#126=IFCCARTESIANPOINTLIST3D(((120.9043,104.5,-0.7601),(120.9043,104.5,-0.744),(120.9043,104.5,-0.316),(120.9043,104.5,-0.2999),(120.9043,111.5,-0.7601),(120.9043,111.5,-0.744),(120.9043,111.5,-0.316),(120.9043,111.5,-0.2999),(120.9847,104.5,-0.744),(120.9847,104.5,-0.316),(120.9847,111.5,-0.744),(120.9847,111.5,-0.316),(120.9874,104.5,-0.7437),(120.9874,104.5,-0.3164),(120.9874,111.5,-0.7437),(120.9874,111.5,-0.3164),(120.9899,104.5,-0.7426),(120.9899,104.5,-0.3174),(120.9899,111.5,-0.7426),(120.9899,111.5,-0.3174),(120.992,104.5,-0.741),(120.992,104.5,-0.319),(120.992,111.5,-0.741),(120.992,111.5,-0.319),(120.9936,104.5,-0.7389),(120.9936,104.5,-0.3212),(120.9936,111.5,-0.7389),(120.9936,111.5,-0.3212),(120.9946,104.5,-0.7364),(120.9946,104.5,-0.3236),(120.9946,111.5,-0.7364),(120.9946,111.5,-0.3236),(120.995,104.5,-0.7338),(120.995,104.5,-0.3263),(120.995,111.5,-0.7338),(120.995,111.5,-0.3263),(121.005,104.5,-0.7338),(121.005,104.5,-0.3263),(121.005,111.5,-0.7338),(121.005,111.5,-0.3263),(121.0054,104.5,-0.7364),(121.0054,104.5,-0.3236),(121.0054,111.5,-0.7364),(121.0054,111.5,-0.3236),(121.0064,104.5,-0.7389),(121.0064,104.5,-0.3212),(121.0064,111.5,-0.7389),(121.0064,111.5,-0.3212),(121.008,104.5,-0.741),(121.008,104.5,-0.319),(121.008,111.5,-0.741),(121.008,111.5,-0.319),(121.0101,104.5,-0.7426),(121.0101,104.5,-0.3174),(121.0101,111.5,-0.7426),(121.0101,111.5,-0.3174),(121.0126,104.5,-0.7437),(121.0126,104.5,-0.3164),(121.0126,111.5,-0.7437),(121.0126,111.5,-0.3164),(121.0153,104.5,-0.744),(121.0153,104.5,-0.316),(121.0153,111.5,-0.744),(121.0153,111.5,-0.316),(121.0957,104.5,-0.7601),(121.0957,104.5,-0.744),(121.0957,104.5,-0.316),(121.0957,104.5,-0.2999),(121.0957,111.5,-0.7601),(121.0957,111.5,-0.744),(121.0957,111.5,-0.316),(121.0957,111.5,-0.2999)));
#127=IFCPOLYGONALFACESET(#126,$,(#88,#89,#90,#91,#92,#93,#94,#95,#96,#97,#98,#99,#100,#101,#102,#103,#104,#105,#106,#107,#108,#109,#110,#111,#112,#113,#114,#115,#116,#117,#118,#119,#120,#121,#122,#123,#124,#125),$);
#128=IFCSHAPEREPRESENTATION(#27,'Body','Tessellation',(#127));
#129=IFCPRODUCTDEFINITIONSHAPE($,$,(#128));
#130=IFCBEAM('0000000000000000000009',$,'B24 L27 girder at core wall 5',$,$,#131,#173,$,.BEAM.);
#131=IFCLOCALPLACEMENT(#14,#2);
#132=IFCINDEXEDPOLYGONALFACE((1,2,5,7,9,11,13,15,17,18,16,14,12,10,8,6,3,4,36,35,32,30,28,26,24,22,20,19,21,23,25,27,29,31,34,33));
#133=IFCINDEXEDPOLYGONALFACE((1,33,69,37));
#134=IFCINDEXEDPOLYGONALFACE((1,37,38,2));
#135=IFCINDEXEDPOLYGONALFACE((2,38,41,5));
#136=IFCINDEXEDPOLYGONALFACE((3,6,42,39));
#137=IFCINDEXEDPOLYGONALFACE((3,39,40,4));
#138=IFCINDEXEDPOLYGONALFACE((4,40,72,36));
-=-=-
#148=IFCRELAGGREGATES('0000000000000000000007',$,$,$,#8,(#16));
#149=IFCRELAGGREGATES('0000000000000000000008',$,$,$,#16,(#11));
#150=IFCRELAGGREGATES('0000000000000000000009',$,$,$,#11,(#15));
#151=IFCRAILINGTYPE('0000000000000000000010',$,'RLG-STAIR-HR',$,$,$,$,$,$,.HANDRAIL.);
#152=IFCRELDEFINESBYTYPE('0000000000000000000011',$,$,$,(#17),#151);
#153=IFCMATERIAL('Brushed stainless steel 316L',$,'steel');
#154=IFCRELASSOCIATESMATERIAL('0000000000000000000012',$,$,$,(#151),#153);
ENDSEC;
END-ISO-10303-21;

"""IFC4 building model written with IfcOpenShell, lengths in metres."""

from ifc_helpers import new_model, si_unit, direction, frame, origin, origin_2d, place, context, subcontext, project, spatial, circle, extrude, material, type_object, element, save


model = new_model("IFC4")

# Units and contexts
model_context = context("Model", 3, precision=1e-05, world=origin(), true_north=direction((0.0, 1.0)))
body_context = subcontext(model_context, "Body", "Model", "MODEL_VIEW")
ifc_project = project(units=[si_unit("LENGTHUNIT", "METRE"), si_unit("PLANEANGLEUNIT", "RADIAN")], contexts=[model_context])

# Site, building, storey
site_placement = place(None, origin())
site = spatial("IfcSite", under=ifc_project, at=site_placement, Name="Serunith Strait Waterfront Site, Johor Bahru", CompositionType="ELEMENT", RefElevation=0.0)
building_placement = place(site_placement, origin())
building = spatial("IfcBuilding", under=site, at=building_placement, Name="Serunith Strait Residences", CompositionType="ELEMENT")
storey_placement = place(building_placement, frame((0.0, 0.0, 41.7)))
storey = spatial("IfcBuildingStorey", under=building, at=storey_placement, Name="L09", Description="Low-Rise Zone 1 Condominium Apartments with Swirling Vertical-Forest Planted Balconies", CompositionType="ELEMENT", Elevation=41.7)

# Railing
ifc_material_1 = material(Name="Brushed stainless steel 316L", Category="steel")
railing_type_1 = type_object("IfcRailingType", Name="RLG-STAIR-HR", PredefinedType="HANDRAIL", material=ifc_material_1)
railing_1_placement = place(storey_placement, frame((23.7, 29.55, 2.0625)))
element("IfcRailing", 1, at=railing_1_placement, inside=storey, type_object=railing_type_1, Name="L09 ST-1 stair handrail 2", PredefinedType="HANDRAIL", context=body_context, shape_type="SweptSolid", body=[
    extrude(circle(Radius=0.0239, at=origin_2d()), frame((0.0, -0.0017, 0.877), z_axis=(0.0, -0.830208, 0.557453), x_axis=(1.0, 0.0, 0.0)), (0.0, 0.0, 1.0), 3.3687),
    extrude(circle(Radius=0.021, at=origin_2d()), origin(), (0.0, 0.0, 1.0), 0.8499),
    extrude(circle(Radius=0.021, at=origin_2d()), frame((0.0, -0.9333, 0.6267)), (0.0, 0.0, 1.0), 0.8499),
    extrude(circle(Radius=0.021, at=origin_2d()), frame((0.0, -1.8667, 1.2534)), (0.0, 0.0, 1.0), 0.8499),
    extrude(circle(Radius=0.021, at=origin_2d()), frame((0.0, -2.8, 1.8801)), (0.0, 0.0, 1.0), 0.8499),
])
-=-=-
• _DIRECTIONS FOR THIS TASK_:
Which lines of the records hold the string "Name"? Copy each one.

• _ANSWER TO THIS TASK_:
site = spatial("IfcSite", under=ifc_project, at=site_placement, Name="Serunith Strait Waterfront Site, Johor Bahru", CompositionType="ELEMENT", RefElevation=0.0)
building = spatial("IfcBuilding", under=site, at=building_placement, Name="Serunith Strait Residences", CompositionType="ELEMENT")
storey = spatial("IfcBuildingStorey", under=building, at=storey_placement, Name="L09", Description="Low-Rise Zone 1 Condominium Apartments with Swirling Vertical-Forest Planted Balconies", CompositionType="ELEMENT", Elevation=41.7)
ifc_material_1 = material(Name="Brushed stainless steel 316L", Category="steel")
railing_type_1 = type_object("IfcRailingType", Name="RLG-STAIR-HR", PredefinedType="HANDRAIL", material=ifc_material_1)
element("IfcRailing", 1, at=railing_1_placement, inside=storey, type_object=railing_type_1, Name="L09 ST-1 stair handrail 2", PredefinedType="HANDRAIL", context=body_context, shape_type="SweptSolid", body=[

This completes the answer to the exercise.